Records provided below:

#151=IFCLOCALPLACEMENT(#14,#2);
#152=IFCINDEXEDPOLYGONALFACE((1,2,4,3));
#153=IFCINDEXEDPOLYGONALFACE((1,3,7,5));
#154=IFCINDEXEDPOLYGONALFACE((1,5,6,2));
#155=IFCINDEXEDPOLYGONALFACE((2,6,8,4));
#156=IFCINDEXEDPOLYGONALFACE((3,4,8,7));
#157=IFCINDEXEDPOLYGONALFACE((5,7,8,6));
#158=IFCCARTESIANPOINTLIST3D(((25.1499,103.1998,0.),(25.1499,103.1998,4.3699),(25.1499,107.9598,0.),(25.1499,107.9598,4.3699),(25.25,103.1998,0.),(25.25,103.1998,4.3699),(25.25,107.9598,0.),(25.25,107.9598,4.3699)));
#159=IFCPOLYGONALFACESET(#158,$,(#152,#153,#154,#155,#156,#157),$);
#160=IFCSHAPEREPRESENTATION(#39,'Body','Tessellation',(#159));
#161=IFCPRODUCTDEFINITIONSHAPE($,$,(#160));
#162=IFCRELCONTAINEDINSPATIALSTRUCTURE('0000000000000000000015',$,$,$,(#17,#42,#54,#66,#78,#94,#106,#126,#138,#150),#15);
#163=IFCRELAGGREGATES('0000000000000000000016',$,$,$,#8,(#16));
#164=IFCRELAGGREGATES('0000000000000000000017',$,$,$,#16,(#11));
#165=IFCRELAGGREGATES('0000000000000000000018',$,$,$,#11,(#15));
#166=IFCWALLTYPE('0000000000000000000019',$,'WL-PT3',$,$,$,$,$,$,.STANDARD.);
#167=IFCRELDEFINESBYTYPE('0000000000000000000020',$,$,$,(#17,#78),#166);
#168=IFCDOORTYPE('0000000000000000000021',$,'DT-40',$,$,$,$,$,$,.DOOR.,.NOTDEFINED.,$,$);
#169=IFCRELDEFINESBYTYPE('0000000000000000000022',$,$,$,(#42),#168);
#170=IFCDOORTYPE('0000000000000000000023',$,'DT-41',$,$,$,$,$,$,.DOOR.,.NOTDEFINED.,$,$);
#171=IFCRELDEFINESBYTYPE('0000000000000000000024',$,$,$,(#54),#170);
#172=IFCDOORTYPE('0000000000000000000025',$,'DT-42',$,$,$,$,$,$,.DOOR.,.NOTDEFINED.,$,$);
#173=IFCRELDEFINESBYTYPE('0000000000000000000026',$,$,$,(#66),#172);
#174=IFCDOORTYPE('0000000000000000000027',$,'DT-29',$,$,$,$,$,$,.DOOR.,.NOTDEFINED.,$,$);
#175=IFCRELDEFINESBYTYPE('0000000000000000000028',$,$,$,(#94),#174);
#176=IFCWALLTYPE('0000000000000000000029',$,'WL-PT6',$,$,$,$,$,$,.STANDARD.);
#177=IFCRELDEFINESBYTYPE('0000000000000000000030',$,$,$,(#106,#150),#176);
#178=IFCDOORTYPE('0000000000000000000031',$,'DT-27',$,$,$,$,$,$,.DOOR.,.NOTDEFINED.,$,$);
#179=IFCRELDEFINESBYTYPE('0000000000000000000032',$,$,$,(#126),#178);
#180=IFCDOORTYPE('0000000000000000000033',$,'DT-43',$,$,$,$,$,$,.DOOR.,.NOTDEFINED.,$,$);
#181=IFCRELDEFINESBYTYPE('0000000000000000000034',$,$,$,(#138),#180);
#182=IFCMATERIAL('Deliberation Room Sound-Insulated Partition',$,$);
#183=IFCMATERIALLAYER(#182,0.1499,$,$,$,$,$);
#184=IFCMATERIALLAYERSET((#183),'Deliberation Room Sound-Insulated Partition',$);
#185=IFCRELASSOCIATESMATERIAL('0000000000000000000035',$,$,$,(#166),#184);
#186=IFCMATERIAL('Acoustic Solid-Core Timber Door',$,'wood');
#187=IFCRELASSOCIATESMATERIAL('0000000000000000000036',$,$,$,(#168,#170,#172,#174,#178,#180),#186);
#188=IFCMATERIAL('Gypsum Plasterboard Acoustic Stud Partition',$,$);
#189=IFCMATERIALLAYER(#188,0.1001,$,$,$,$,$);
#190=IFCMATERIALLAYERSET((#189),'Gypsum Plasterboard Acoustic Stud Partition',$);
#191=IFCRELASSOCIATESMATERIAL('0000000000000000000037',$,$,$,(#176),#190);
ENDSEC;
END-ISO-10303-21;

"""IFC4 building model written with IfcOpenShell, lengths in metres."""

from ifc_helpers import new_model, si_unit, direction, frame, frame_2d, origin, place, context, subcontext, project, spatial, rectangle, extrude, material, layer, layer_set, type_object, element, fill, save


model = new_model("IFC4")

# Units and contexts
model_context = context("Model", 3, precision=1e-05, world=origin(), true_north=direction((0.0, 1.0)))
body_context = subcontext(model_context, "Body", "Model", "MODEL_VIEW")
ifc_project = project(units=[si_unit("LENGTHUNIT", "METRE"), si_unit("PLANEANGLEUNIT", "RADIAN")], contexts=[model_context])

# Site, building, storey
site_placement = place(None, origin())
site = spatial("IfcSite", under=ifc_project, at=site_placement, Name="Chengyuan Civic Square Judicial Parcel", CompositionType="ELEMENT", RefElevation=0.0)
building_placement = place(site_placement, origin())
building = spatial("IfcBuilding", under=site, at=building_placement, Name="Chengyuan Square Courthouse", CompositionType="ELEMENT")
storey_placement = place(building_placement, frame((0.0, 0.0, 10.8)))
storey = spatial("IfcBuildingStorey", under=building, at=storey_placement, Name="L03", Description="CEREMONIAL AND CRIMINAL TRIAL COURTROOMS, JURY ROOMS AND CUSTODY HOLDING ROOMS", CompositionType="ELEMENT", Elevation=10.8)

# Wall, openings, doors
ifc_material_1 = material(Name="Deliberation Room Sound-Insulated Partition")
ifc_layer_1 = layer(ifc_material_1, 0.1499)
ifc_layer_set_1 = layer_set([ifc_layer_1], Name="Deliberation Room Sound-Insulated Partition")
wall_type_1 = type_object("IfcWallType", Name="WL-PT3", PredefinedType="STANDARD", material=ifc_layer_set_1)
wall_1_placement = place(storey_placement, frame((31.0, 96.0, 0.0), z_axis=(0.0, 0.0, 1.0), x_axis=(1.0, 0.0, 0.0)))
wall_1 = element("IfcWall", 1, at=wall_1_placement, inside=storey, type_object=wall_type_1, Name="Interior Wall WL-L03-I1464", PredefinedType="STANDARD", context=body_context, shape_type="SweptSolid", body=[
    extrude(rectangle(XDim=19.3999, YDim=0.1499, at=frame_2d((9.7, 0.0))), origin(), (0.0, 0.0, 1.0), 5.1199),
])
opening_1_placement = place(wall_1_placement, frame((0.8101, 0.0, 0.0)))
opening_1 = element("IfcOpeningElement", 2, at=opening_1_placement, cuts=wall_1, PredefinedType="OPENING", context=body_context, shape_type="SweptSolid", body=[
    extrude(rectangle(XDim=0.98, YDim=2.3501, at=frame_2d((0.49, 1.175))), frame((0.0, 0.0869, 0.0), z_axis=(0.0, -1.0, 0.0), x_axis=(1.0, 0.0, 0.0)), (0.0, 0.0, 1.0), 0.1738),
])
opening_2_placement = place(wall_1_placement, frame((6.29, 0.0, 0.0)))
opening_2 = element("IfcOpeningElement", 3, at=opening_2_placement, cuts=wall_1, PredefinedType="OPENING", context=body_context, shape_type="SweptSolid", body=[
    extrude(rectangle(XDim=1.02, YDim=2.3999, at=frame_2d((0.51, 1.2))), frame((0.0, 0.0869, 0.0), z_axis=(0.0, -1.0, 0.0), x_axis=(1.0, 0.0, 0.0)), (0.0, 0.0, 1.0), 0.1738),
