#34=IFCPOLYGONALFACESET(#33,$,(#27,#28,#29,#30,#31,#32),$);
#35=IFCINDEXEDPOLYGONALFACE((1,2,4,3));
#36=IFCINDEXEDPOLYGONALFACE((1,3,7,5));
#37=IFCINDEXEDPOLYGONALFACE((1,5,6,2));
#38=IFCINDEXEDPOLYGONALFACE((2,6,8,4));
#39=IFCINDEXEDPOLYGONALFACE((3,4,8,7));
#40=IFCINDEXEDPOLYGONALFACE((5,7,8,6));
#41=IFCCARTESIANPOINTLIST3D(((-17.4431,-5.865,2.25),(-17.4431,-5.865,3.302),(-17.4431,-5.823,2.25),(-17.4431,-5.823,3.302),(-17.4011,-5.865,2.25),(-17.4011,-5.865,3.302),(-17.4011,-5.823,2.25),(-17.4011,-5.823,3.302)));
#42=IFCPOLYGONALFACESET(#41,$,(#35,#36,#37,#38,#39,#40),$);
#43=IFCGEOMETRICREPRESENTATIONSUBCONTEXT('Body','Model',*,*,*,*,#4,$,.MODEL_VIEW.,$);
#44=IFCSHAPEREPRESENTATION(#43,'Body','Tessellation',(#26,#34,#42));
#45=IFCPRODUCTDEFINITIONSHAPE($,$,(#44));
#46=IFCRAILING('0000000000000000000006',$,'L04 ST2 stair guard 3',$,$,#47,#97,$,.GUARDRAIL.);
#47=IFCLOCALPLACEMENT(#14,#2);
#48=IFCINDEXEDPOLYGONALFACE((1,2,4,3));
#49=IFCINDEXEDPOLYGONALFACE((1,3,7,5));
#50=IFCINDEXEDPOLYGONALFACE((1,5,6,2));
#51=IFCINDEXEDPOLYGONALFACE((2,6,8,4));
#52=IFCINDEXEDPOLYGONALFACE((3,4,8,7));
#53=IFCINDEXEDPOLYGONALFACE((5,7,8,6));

End of Records provided.

Of the records above, copy each line that includes "NOTDEFINED".

Answer section:
#168=IFCDOORTYPE('0000000000000000000021',$,'DT-40',$,$,$,$,$,$,.DOOR.,.NOTDEFINED.,$,$);
#170=IFCDOORTYPE('0000000000000000000023',$,'DT-41',$,$,$,$,$,$,.DOOR.,.NOTDEFINED.,$,$);
#172=IFCDOORTYPE('0000000000000000000025',$,'DT-42',$,$,$,$,$,$,.DOOR.,.NOTDEFINED.,$,$);
#174=IFCDOORTYPE('0000000000000000000027',$,'DT-29',$,$,$,$,$,$,.DOOR.,.NOTDEFINED.,$,$);
#178=IFCDOORTYPE('0000000000000000000031',$,'DT-27',$,$,$,$,$,$,.DOOR.,.NOTDEFINED.,$,$);
#180=IFCDOORTYPE('0000000000000000000033',$,'DT-43',$,$,$,$,$,$,.DOOR.,.NOTDEFINED.,$,$);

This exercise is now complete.